▶ **EXERCISE INPUT**

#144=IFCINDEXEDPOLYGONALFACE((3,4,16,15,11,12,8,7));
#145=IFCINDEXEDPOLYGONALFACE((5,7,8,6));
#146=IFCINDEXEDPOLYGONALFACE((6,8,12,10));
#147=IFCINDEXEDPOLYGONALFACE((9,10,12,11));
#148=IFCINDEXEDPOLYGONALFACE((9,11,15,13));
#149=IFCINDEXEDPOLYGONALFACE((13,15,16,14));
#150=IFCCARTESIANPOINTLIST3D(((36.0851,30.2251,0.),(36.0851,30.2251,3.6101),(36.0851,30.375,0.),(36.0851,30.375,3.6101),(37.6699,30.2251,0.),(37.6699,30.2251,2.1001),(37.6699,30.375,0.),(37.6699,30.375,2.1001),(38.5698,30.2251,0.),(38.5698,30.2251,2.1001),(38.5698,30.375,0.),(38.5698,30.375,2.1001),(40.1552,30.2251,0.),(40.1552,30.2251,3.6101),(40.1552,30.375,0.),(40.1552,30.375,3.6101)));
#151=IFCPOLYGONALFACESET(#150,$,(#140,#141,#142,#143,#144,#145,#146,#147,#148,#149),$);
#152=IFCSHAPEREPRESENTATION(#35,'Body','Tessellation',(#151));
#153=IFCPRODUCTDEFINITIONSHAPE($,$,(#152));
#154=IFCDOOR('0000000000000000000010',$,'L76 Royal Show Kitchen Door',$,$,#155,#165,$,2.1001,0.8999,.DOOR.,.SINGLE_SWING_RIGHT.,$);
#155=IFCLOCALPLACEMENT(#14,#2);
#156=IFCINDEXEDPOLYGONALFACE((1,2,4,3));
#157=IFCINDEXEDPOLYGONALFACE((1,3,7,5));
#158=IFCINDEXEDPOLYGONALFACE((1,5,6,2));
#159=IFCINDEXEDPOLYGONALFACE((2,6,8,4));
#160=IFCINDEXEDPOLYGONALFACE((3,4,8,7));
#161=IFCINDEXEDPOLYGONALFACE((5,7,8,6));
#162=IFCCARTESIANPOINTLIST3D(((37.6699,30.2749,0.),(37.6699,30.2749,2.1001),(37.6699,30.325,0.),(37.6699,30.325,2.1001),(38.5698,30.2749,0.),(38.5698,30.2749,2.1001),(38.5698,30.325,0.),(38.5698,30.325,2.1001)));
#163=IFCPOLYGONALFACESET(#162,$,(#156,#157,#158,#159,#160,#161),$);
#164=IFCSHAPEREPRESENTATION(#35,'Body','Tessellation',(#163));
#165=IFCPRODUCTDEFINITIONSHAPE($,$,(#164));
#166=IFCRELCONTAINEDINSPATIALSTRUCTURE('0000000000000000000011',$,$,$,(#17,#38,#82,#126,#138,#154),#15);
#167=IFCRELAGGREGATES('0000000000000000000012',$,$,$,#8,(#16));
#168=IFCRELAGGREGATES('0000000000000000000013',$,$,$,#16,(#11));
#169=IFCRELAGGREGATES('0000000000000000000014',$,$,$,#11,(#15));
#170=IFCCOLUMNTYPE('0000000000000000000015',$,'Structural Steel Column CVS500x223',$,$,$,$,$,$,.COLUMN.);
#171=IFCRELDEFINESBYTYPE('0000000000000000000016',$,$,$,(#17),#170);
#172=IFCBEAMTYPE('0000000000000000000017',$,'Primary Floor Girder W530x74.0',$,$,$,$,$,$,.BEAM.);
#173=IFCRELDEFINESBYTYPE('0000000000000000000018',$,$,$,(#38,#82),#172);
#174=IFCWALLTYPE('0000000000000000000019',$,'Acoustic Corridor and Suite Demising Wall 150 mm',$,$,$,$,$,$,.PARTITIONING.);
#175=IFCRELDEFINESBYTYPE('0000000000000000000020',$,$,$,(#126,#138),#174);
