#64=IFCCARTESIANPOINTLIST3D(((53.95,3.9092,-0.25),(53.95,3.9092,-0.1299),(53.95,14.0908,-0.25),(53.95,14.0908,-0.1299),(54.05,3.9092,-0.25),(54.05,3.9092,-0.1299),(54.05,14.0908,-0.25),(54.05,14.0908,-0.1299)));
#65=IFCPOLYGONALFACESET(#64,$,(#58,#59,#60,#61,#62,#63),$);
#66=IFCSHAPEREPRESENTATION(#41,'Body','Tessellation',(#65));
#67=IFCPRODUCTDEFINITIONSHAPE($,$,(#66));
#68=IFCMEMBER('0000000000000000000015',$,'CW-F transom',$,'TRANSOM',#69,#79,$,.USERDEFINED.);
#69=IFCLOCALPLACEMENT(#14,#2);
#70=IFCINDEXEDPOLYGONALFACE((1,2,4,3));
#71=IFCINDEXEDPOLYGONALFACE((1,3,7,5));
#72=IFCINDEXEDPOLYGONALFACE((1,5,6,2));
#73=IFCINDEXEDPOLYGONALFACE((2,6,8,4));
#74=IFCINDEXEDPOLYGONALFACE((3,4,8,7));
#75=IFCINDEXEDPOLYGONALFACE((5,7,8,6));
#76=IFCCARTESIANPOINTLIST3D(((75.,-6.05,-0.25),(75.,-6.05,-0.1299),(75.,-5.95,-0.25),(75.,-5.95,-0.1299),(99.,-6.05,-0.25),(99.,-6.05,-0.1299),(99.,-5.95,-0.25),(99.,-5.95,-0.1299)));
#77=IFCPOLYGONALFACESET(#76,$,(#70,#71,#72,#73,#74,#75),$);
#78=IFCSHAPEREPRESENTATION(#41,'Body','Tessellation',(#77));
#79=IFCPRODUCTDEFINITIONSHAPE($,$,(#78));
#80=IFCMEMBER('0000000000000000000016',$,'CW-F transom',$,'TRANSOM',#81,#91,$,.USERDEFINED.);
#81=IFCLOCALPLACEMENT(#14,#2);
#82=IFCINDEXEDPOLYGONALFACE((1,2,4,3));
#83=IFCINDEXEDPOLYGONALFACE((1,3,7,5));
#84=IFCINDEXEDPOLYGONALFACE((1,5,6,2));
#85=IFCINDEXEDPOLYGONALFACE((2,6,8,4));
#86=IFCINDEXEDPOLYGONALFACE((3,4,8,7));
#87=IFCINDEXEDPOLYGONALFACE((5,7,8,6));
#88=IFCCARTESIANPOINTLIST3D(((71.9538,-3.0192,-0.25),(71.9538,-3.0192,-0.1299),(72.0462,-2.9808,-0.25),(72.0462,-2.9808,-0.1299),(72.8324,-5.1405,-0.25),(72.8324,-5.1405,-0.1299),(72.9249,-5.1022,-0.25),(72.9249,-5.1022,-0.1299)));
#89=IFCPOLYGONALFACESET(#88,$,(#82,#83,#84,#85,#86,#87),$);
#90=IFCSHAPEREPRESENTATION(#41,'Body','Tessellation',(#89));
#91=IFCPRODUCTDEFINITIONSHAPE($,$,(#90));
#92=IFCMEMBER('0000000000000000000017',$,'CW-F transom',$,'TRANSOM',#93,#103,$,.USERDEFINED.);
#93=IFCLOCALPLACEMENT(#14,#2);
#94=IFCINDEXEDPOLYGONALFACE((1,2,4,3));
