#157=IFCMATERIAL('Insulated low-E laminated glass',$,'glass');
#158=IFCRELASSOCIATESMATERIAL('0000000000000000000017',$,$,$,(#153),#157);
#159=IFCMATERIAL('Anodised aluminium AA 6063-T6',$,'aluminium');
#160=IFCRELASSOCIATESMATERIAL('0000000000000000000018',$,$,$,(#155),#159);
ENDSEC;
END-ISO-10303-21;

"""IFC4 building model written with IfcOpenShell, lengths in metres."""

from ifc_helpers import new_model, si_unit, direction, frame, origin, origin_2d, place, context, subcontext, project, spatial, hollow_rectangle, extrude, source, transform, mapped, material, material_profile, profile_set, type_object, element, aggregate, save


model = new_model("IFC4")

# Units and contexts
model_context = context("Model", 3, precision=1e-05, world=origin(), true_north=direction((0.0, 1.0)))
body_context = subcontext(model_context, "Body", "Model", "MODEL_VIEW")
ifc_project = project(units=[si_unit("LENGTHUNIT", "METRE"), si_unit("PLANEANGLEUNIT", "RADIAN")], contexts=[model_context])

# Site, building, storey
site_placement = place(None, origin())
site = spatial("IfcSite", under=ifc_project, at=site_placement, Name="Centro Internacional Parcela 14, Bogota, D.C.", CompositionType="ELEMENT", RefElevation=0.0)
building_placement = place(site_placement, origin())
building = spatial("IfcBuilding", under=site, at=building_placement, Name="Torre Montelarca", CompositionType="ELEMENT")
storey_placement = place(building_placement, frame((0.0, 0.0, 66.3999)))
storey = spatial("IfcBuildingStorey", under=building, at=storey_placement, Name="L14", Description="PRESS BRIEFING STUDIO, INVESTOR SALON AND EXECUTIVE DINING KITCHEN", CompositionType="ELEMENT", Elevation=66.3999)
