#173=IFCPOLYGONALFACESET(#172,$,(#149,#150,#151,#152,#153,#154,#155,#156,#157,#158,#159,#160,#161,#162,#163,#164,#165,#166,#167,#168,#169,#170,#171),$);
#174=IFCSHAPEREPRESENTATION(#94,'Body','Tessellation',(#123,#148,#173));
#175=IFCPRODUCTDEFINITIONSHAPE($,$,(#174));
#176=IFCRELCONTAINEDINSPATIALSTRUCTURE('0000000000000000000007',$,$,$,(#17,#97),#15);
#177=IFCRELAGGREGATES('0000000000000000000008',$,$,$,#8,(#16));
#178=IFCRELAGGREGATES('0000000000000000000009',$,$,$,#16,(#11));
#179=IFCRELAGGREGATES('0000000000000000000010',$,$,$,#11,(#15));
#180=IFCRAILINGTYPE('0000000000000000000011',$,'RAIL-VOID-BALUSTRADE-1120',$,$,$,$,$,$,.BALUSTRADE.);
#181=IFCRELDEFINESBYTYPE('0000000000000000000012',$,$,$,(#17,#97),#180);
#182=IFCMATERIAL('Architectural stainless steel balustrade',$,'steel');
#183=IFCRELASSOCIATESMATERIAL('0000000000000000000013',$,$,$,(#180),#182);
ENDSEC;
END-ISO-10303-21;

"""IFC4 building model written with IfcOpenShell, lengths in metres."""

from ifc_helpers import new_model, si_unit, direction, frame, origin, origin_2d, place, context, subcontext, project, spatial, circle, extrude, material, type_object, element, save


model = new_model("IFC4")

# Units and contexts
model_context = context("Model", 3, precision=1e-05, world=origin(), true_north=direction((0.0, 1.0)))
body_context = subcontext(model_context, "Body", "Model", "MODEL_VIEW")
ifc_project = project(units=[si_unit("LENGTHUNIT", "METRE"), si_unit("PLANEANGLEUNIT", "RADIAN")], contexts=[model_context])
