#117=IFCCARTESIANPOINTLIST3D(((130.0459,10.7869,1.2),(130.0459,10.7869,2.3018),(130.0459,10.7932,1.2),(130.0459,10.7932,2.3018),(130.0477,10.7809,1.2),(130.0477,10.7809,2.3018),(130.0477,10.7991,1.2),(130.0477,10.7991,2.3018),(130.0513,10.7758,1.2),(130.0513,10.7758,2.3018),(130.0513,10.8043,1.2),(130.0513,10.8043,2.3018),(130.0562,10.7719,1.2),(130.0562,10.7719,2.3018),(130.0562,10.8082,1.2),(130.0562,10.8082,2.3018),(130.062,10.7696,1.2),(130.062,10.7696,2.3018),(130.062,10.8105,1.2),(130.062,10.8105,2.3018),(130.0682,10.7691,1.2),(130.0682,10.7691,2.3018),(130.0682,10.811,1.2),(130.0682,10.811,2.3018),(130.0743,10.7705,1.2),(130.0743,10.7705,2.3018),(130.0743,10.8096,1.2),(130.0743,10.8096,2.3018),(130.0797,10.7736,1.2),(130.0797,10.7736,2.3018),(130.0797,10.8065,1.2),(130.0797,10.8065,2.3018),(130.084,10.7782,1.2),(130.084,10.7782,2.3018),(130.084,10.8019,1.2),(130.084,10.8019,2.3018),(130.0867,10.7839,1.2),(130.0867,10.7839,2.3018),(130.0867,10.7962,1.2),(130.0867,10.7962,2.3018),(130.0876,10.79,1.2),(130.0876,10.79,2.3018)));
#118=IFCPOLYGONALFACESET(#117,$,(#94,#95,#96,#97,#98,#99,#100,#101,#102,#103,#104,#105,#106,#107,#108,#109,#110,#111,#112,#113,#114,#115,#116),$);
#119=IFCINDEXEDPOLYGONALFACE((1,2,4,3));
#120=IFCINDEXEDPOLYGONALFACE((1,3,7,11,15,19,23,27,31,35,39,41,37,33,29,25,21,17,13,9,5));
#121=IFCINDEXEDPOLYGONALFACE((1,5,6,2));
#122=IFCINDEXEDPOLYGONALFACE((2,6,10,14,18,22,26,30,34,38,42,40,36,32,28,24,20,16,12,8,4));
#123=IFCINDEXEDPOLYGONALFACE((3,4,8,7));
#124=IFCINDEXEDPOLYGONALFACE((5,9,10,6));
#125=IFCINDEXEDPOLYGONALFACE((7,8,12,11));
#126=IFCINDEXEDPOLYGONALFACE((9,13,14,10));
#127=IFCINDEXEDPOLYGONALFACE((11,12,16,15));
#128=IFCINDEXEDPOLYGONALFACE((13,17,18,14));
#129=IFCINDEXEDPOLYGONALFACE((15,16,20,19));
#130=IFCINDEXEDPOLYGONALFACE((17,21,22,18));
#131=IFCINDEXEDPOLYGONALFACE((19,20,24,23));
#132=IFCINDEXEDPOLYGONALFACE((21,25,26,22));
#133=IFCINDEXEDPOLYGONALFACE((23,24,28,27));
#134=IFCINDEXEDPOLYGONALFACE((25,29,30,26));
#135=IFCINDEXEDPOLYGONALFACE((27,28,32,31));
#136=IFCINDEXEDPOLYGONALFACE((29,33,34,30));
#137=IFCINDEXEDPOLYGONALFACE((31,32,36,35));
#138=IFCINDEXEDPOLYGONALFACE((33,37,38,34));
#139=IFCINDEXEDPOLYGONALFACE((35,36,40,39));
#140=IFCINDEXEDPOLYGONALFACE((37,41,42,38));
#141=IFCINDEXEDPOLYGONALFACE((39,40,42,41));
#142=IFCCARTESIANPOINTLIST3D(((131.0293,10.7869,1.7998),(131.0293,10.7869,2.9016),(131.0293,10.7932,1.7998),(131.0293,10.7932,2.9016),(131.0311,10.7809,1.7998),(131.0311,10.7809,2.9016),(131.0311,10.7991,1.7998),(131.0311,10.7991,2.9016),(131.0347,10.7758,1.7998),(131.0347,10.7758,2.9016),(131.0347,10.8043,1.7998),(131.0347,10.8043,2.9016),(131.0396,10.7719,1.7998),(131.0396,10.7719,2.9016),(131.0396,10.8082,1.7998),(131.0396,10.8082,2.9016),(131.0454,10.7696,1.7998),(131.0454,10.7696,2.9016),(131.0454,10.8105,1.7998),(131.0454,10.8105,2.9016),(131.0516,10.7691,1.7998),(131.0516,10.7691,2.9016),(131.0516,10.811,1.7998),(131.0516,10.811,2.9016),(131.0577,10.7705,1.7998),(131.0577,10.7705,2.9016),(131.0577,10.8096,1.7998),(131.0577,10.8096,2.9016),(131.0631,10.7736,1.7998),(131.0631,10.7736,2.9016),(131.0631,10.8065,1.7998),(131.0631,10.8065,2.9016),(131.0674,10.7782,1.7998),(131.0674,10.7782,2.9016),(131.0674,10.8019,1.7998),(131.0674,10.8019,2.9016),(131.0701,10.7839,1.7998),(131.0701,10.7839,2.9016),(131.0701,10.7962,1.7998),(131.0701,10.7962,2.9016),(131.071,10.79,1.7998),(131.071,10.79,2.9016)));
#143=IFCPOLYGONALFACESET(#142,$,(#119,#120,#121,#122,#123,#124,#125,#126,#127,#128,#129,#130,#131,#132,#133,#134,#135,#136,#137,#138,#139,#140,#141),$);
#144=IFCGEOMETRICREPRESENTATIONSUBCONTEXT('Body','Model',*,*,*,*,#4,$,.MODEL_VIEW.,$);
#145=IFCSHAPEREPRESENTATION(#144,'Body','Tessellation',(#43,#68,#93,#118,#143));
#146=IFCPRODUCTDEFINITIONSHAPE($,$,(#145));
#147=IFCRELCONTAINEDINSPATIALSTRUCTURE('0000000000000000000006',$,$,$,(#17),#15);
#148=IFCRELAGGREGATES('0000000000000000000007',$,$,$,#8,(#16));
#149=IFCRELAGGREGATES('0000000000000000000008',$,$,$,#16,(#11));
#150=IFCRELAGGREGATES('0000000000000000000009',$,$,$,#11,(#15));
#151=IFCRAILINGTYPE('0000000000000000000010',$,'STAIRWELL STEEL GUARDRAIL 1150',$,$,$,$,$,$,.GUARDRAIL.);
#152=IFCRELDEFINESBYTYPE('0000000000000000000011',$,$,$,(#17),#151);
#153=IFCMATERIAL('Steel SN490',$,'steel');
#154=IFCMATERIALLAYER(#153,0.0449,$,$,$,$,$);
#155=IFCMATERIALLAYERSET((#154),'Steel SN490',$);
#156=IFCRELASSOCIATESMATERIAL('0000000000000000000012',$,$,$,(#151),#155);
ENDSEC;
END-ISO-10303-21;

▶ **TASK DESCRIPTION**
Set down again, word for word, the stretch of records from the line with "#132=IFCINDEXEDPOLYGONALFACE((21,25,26,22));" to the line with "#149=IFCRELAGGREGATES('0000000000000000000008',$,$,$,#16,(#11));", both of those lines included.

▶ **ANSWER TO THIS EXERCISE**
#132=IFCINDEXEDPOLYGONALFACE((21,25,26,22));
#133=IFCINDEXEDPOLYGONALFACE((23,24,28,27));
#134=IFCINDEXEDPOLYGONALFACE((25,29,30,26));
#135=IFCINDEXEDPOLYGONALFACE((27,28,32,31));
#136=IFCINDEXEDPOLYGONALFACE((29,33,34,30));
#137=IFCINDEXEDPOLYGONALFACE((31,32,36,35));
#138=IFCINDEXEDPOLYGONALFACE((33,37,38,34));
#139=IFCINDEXEDPOLYGONALFACE((35,36,40,39));
#140=IFCINDEXEDPOLYGONALFACE((37,41,42,38));
#141=IFCINDEXEDPOLYGONALFACE((39,40,42,41));
#142=IFCCARTESIANPOINTLIST3D(((131.0293,10.7869,1.7998),(131.0293,10.7869,2.9016),(131.0293,10.7932,1.7998),(131.0293,10.7932,2.9016),(131.0311,10.7809,1.7998),(131.0311,10.7809,2.9016),(131.0311,10.7991,1.7998),(131.0311,10.7991,2.9016),(131.0347,10.7758,1.7998),(131.0347,10.7758,2.9016),(131.0347,10.8043,1.7998),(131.0347,10.8043,2.9016),(131.0396,10.7719,1.7998),(131.0396,10.7719,2.9016),(131.0396,10.8082,1.7998),(131.0396,10.8082,2.9016),(131.0454,10.7696,1.7998),(131.0454,10.7696,2.9016),(131.0454,10.8105,1.7998),(131.0454,10.8105,2.9016),(131.0516,10.7691,1.7998),(131.0516,10.7691,2.9016),(131.0516,10.811,1.7998),(131.0516,10.811,2.9016),(131.0577,10.7705,1.7998),(131.0577,10.7705,2.9016),(131.0577,10.8096,1.7998),(131.0577,10.8096,2.9016),(131.0631,10.7736,1.7998),(131.0631,10.7736,2.9016),(131.0631,10.8065,1.7998),(131.0631,10.8065,2.9016),(131.0674,10.7782,1.7998),(131.0674,10.7782,2.9016),(131.0674,10.8019,1.7998),(131.0674,10.8019,2.9016),(131.0701,10.7839,1.7998),(131.0701,10.7839,2.9016),(131.0701,10.7962,1.7998),(131.0701,10.7962,2.9016),(131.071,10.79,1.7998),(131.071,10.79,2.9016)));
#143=IFCPOLYGONALFACESET(#142,$,(#119,#120,#121,#122,#123,#124,#125,#126,#127,#128,#129,#130,#131,#132,#133,#134,#135,#136,#137,#138,#139,#140,#141),$);
#144=IFCGEOMETRICREPRESENTATIONSUBCONTEXT('Body','Model',*,*,*,*,#4,$,.MODEL_VIEW.,$);
#145=IFCSHAPEREPRESENTATION(#144,'Body','Tessellation',(#43,#68,#93,#118,#143));
#146=IFCPRODUCTDEFINITIONSHAPE($,$,(#145));
#147=IFCRELCONTAINEDINSPATIALSTRUCTURE('0000000000000000000006',$,$,$,(#17),#15);
#148=IFCRELAGGREGATES('0000000000000000000007',$,$,$,#8,(#16));
#149=IFCRELAGGREGATES('0000000000000000000008',$,$,$,#16,(#11));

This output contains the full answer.